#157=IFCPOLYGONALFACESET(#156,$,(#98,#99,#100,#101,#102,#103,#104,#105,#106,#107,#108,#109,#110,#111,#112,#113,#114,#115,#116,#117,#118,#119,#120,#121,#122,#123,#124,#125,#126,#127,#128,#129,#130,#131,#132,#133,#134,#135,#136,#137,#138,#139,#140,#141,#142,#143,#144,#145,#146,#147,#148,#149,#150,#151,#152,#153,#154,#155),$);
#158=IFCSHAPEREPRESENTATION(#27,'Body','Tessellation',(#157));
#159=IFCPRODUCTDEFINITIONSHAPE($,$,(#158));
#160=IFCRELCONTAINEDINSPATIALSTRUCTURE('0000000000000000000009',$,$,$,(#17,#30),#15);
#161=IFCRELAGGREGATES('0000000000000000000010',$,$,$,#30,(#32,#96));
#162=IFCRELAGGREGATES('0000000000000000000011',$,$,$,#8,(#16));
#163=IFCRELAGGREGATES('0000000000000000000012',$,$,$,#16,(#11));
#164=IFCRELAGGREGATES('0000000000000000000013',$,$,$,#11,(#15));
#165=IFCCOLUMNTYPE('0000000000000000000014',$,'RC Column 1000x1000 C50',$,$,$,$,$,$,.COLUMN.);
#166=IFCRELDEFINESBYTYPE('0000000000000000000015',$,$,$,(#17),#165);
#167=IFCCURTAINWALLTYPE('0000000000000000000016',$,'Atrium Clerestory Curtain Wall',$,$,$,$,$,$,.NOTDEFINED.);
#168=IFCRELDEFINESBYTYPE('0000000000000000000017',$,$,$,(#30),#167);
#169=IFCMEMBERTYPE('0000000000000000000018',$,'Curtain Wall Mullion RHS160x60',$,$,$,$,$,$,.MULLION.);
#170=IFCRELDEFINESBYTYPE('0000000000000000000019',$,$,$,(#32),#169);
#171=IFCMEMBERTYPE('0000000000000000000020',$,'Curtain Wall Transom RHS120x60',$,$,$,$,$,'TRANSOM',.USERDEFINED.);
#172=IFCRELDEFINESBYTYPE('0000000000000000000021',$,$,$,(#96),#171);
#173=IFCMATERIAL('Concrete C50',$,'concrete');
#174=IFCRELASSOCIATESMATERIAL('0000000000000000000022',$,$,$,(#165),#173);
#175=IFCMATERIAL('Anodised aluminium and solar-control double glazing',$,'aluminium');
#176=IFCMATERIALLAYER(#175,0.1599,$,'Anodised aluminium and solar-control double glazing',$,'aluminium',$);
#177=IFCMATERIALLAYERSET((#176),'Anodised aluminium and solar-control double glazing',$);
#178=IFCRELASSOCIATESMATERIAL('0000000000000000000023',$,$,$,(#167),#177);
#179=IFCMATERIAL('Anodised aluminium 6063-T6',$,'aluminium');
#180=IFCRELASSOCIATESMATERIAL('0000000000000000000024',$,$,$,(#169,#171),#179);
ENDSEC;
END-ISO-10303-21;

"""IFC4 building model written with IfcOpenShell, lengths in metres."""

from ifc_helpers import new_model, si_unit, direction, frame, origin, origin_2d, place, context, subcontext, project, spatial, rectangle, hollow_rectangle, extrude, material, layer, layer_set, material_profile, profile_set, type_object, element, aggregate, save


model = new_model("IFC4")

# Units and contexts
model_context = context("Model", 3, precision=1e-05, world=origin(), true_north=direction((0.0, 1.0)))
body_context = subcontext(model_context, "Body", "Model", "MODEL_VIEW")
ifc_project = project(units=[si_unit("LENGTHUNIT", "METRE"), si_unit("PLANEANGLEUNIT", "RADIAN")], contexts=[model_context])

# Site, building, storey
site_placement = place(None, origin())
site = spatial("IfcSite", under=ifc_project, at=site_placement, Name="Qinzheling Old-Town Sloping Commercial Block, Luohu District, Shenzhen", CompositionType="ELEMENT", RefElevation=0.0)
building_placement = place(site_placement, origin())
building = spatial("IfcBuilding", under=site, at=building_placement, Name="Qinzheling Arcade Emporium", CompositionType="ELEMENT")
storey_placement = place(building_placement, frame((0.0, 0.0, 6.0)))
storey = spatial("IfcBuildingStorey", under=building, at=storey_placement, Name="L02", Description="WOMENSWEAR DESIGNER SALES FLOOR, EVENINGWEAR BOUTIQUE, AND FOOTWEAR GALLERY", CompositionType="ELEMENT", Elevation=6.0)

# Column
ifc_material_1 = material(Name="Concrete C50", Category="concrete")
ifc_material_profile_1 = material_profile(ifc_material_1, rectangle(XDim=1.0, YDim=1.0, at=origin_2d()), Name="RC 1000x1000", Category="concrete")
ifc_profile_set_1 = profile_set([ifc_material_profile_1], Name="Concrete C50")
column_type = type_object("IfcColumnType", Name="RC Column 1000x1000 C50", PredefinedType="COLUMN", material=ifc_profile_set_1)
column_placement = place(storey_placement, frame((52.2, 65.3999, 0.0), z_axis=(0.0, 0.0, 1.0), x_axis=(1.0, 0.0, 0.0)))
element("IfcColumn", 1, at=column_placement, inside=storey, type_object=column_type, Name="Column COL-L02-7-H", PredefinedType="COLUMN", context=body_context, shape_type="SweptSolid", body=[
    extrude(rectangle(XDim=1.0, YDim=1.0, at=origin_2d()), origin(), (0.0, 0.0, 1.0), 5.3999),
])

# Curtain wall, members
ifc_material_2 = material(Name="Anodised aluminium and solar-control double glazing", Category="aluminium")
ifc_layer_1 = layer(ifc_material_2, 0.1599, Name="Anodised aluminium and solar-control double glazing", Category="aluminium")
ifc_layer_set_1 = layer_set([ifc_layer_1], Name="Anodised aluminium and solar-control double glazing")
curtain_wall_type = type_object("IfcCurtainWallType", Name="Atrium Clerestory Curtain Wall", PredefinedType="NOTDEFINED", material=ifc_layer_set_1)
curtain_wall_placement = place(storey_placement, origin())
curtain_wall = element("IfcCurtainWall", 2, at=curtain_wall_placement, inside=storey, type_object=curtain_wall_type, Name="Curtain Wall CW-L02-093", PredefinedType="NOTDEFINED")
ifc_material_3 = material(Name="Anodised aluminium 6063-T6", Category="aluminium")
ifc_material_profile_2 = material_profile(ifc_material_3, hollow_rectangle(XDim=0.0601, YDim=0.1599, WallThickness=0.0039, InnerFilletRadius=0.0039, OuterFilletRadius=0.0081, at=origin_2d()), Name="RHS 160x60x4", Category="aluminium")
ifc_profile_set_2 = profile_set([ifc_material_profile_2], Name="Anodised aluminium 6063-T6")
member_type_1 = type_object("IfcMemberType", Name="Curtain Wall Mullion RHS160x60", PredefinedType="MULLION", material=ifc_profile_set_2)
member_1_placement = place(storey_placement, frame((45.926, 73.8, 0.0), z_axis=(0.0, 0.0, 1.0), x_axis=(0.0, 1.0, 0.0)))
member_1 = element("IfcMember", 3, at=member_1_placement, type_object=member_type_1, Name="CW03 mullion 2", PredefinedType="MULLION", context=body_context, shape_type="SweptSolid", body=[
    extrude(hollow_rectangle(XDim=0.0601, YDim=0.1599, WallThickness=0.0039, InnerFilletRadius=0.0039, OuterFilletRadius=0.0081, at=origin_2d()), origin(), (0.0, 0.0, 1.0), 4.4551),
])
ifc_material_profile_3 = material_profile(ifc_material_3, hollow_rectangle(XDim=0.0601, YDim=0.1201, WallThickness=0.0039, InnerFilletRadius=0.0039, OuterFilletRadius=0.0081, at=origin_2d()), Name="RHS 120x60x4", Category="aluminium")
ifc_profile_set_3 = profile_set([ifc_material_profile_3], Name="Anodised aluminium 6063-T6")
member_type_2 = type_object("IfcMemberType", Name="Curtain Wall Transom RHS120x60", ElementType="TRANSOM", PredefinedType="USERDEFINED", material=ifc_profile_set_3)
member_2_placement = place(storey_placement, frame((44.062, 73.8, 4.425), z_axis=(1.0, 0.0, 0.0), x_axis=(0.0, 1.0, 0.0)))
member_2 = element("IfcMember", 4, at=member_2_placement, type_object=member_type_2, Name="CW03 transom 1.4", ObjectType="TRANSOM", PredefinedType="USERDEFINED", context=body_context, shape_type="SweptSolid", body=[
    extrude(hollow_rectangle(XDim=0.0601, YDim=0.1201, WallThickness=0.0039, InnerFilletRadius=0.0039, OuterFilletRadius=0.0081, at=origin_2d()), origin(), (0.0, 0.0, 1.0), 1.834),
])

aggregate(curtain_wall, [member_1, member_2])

---

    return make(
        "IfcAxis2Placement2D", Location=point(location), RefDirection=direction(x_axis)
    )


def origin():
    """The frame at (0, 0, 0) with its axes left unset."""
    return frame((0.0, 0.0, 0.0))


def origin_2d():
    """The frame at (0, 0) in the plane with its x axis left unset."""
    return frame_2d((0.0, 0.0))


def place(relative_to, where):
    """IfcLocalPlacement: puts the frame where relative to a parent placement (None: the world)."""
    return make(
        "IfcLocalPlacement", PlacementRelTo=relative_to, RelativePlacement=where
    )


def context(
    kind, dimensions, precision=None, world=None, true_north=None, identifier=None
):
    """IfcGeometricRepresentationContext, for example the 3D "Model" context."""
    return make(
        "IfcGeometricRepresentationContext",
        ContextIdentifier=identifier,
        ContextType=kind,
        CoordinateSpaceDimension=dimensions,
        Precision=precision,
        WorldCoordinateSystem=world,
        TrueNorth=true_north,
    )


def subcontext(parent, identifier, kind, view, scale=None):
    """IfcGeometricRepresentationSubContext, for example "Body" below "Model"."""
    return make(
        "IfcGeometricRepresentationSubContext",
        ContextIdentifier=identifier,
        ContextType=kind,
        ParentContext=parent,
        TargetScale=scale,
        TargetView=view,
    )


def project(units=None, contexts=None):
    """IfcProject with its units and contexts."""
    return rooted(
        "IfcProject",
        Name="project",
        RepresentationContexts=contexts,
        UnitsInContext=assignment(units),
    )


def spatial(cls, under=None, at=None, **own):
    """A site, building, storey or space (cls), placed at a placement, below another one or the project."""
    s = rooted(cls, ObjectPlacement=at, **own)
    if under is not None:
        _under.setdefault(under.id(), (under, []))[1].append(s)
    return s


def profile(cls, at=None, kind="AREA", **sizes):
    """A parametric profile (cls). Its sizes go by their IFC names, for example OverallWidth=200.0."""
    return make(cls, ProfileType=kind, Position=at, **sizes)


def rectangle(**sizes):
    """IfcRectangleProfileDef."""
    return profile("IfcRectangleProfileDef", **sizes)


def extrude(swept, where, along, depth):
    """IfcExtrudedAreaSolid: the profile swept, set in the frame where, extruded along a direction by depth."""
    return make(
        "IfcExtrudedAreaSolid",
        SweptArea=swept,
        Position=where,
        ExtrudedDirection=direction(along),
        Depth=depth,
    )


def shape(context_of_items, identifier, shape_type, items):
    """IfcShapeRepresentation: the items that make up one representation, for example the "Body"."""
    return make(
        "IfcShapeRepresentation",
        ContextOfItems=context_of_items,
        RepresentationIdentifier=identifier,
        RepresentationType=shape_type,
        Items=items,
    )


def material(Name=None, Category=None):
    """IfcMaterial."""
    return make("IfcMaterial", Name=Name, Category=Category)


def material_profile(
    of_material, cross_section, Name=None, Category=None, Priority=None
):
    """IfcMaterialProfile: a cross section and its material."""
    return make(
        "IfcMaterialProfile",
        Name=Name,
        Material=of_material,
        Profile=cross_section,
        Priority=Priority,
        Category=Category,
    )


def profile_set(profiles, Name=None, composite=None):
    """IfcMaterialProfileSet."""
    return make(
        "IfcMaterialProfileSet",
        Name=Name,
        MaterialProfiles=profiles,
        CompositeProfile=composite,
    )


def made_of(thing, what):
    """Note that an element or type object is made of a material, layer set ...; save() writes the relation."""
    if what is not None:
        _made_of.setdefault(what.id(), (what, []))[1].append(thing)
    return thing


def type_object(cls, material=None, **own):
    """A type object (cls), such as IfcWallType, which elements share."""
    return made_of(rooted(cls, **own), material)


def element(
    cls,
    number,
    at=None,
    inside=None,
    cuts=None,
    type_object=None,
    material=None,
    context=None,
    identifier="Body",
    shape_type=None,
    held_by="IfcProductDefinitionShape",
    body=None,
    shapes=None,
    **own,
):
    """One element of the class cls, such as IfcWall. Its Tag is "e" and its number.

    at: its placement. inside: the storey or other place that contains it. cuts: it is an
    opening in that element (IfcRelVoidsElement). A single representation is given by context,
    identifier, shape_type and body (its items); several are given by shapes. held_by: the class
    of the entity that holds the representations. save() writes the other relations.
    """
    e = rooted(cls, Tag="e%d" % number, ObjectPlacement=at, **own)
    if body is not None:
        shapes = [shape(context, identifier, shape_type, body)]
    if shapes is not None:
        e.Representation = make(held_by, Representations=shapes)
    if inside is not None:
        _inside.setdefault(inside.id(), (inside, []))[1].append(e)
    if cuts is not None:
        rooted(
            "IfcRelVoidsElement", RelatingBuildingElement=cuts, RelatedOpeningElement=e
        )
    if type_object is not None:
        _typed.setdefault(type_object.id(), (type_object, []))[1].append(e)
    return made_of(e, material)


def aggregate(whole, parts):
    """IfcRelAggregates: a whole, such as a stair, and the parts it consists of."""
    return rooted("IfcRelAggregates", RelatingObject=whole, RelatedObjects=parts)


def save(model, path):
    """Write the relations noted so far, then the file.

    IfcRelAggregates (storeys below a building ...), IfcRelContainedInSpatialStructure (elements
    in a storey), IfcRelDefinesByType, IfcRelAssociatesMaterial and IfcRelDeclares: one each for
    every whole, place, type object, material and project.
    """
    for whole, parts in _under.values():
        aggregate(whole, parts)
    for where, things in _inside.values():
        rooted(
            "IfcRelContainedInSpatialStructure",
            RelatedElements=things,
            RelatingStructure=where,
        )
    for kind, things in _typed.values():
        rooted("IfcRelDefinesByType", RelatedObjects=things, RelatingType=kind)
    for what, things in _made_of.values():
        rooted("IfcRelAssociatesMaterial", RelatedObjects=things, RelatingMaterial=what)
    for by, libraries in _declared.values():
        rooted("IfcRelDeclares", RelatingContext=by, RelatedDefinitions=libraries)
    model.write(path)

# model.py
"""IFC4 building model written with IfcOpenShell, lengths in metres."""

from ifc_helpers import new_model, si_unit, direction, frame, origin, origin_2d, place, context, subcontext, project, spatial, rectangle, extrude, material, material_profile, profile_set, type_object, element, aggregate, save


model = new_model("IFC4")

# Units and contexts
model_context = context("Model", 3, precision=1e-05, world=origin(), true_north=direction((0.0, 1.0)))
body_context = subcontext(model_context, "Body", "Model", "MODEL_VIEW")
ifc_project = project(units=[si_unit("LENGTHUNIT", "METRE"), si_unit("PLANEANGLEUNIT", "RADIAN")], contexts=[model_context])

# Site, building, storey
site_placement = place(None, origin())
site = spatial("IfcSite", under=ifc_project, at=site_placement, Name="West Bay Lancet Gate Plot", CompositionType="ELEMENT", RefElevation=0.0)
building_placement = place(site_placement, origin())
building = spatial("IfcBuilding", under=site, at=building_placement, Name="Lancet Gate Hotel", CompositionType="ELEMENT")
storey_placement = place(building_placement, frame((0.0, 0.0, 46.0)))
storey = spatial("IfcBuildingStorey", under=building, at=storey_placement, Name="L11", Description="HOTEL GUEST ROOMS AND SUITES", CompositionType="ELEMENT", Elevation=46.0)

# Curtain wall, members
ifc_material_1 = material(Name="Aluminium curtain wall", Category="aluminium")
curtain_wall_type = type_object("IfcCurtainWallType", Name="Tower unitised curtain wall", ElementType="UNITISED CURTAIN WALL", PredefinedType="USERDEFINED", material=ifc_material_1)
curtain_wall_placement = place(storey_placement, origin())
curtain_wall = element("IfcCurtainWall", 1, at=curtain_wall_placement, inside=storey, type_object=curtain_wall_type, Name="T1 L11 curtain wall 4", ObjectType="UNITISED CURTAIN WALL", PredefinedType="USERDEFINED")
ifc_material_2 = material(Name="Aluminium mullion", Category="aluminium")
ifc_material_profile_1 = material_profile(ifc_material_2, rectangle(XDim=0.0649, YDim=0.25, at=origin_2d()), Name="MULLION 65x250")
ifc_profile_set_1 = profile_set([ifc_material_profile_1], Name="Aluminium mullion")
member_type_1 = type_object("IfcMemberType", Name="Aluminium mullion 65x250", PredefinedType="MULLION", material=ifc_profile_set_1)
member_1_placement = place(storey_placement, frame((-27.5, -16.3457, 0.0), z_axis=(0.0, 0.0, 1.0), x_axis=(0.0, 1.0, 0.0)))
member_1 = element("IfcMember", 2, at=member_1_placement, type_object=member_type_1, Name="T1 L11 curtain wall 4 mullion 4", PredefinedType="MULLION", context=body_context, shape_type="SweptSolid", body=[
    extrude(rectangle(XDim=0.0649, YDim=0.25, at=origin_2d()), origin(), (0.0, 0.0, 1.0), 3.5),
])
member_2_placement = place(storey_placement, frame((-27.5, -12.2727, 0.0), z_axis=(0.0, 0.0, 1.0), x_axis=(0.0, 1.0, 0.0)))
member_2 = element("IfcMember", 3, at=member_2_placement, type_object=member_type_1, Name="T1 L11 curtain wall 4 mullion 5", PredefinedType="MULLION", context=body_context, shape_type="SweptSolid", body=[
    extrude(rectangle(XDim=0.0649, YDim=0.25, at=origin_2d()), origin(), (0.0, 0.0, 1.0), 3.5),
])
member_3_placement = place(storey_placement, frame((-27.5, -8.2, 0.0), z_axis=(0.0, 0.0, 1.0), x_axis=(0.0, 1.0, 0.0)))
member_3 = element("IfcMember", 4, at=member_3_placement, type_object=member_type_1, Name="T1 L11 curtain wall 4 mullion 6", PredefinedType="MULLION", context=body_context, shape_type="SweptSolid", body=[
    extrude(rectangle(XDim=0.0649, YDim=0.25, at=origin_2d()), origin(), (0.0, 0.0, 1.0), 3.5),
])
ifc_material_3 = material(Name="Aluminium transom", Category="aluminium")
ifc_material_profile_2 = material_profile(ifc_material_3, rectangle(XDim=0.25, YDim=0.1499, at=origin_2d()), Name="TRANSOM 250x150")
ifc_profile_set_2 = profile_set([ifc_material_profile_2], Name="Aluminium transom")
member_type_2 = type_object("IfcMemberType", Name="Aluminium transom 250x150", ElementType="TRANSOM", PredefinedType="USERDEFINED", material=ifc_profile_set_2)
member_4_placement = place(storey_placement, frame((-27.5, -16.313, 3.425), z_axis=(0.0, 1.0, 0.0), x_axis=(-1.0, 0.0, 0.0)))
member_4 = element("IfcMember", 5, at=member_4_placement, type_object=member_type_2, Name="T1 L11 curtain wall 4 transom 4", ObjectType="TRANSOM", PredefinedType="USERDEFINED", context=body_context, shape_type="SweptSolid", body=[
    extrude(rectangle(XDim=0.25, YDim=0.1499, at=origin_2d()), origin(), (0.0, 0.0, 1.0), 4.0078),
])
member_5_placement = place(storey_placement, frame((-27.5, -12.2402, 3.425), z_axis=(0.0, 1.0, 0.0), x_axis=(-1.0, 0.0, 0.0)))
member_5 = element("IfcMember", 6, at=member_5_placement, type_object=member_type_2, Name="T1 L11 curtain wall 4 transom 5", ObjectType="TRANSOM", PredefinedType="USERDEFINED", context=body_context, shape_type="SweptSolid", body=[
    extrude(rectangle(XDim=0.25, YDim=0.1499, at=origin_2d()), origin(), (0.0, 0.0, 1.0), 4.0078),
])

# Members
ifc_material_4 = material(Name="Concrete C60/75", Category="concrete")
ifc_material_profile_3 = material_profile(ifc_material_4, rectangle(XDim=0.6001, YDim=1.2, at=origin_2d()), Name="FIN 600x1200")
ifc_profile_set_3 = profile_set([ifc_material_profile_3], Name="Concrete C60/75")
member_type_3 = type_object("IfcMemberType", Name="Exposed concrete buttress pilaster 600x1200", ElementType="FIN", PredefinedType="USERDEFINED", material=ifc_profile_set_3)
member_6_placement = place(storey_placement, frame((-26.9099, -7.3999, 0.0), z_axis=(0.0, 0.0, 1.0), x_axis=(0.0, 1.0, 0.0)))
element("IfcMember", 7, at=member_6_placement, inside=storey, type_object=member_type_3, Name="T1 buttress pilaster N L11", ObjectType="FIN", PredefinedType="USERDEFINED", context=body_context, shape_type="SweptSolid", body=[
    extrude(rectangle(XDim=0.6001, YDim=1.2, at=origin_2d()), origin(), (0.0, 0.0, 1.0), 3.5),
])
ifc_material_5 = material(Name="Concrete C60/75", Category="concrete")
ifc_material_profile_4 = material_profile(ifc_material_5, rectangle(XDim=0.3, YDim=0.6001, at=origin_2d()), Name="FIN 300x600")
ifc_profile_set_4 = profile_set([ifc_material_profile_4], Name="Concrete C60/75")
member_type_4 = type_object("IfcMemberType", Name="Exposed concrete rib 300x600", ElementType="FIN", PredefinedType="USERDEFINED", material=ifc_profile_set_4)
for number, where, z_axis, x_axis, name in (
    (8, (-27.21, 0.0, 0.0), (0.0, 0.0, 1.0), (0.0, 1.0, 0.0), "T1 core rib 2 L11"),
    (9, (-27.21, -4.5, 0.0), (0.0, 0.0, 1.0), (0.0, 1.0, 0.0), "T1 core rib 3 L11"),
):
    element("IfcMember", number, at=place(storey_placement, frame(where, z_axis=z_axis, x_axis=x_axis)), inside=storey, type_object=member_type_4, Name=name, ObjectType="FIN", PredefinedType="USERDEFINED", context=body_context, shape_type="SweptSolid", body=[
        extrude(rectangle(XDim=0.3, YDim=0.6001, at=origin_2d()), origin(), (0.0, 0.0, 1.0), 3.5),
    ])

Exercise requirements => Scan the lines above for "shapes = [shape(context, identifier, shape_type, body)]" and for "IfcRelAggregates (storeys below". Repeat exactly the line holding each of them and every line in between.

Answer to this exercise =>
        shapes = [shape(context, identifier, shape_type, body)]
    if shapes is not None:
        e.Representation = make(held_by, Representations=shapes)
    if inside is not None:
        _inside.setdefault(inside.id(), (inside, []))[1].append(e)
    if cuts is not None:
        rooted(
            "IfcRelVoidsElement", RelatingBuildingElement=cuts, RelatedOpeningElement=e
        )
    if type_object is not None:
        _typed.setdefault(type_object.id(), (type_object, []))[1].append(e)
    return made_of(e, material)


def aggregate(whole, parts):
    """IfcRelAggregates: a whole, such as a stair, and the parts it consists of."""
    return rooted("IfcRelAggregates", RelatingObject=whole, RelatedObjects=parts)


def save(model, path):
    """Write the relations noted so far, then the file.

    IfcRelAggregates (storeys below a building ...), IfcRelContainedInSpatialStructure (elements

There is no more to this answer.